## TASK DIRECTIONS:
Beneath this line are the data; copy exactly the part of them that opens with the line containing "#140=IFCINDEXEDPOLYGONALFACE((37,41,42,38));" and closes with the line containing "#141=IFCINDEXEDPOLYGONALFACE((39,40,42,41));", and only that part.

## DATA:
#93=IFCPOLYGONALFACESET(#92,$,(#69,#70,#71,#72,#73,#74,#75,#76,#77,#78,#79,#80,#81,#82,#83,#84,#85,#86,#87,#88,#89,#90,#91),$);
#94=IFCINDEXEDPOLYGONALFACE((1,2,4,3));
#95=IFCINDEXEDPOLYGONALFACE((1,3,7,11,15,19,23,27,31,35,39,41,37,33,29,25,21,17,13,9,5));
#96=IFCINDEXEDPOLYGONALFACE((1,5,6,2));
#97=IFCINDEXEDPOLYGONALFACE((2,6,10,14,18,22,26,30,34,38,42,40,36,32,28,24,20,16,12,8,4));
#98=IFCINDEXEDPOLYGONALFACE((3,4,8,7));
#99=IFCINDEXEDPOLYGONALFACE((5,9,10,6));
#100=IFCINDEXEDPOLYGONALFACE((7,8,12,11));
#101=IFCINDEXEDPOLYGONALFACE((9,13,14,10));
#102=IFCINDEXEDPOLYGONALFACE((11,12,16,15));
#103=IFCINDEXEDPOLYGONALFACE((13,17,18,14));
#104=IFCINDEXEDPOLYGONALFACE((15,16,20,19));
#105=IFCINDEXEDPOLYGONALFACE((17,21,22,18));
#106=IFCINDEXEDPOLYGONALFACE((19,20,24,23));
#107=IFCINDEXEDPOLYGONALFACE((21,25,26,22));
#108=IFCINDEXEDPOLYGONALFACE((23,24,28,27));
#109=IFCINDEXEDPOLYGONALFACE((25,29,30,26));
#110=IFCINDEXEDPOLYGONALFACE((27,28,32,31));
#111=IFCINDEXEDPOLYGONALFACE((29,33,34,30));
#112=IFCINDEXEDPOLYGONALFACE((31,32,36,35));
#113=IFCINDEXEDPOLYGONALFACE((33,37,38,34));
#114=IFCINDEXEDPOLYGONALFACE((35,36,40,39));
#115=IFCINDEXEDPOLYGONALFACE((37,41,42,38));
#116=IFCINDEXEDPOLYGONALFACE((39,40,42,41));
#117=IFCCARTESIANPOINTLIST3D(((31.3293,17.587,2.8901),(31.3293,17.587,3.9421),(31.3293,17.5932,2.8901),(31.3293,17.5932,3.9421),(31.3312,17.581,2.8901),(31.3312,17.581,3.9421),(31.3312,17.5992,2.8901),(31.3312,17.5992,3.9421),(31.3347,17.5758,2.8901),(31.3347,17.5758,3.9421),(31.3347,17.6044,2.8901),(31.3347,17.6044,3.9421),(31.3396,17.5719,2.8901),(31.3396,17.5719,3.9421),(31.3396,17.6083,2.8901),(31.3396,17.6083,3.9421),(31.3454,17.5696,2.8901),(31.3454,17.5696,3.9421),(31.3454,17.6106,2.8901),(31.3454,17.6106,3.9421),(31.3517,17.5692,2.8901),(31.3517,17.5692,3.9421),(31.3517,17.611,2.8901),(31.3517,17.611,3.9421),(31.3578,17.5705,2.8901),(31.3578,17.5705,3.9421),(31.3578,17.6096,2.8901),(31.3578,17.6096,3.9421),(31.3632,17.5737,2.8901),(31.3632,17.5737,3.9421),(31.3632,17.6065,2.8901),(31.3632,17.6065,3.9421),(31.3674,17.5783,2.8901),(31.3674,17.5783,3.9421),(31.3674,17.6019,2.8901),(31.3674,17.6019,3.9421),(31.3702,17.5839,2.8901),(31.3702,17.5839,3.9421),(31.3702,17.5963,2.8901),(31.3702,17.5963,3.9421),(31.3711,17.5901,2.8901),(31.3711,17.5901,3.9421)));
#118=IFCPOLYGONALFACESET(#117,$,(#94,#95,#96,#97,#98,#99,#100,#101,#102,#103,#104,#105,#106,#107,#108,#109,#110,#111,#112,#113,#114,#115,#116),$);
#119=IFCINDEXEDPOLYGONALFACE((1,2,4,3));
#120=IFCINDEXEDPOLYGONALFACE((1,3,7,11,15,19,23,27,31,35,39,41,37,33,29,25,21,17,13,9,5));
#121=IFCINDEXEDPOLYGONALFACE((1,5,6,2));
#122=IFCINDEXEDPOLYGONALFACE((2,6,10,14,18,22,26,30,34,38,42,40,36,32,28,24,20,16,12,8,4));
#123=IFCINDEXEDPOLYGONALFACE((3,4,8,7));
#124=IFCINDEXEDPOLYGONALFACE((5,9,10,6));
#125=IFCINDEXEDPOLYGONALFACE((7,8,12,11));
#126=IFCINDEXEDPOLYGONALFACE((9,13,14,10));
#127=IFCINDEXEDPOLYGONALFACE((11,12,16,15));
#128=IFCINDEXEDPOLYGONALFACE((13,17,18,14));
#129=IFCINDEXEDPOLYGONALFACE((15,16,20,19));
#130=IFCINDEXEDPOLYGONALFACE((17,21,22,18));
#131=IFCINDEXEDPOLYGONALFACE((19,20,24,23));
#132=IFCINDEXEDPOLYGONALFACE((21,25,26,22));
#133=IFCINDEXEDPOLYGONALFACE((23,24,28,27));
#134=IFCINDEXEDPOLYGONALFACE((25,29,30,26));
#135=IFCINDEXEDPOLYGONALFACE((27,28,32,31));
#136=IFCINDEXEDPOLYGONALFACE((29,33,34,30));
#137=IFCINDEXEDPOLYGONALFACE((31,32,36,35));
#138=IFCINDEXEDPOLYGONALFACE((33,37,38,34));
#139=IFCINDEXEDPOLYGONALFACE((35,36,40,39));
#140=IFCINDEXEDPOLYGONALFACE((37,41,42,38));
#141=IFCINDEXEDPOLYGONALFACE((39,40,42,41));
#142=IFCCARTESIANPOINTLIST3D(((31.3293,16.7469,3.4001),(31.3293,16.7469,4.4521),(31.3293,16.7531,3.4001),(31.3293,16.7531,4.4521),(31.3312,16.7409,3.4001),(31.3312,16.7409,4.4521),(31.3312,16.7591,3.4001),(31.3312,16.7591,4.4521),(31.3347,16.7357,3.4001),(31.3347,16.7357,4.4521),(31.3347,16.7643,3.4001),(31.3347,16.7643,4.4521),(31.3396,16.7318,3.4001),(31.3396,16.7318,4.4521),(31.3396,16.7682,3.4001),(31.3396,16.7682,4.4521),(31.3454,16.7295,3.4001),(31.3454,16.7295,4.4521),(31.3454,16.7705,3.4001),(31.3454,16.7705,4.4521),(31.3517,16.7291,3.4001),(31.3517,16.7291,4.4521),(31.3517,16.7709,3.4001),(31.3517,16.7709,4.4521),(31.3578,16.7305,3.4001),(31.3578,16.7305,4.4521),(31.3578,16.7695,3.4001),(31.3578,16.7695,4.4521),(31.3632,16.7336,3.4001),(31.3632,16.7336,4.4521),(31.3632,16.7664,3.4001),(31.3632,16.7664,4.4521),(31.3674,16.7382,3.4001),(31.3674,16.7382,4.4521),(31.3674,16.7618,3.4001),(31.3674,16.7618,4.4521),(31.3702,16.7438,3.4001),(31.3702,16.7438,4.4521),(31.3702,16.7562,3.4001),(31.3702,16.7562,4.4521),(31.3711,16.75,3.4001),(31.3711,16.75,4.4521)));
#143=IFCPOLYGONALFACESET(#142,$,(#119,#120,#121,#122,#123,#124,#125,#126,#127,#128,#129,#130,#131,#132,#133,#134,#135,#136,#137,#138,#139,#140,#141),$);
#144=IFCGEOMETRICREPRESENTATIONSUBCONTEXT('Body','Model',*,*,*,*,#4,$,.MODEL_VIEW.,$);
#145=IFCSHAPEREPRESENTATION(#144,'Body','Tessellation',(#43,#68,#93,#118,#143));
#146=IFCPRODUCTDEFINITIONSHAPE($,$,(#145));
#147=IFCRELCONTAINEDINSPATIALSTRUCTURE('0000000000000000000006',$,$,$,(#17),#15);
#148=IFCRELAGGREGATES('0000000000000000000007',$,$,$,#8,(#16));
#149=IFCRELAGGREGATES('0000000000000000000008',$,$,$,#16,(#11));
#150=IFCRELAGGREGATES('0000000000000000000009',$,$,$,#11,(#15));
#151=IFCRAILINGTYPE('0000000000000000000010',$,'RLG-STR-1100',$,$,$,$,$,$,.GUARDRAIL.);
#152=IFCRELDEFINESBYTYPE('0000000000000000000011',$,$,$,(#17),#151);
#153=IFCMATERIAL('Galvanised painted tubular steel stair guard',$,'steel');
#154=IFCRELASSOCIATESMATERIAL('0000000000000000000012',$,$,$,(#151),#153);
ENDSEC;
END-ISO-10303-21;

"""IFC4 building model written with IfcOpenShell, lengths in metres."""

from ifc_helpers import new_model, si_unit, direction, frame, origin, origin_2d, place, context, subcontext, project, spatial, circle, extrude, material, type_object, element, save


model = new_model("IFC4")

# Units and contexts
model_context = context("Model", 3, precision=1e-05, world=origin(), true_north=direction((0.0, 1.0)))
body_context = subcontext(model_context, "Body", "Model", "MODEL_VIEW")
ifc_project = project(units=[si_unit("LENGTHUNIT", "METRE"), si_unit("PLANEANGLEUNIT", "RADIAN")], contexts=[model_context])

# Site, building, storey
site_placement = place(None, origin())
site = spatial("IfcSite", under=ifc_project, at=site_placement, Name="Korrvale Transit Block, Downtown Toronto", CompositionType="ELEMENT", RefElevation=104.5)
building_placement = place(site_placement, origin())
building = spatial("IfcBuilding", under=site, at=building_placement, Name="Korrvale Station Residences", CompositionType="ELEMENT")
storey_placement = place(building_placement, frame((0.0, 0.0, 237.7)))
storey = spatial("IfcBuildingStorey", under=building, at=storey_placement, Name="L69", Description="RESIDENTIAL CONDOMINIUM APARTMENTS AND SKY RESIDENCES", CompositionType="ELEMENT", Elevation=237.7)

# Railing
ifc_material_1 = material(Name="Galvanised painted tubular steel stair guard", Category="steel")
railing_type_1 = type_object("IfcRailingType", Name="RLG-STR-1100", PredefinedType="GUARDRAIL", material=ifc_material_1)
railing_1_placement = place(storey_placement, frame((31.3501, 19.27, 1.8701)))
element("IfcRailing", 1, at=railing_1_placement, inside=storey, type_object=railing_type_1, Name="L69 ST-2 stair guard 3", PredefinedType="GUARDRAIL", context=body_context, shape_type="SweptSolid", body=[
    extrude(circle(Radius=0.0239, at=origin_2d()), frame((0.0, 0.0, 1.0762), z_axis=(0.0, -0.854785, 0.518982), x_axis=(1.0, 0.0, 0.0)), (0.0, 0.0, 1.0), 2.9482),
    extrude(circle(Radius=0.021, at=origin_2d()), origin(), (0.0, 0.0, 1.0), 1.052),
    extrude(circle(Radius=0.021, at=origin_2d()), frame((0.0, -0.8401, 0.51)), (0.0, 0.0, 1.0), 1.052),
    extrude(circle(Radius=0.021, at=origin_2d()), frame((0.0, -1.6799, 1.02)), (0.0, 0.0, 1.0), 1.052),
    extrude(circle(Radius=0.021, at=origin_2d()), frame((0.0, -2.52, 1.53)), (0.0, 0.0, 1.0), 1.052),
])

## RESPONSE FOR THIS EXERCISE:
#140=IFCINDEXEDPOLYGONALFACE((37,41,42,38));
#141=IFCINDEXEDPOLYGONALFACE((39,40,42,41));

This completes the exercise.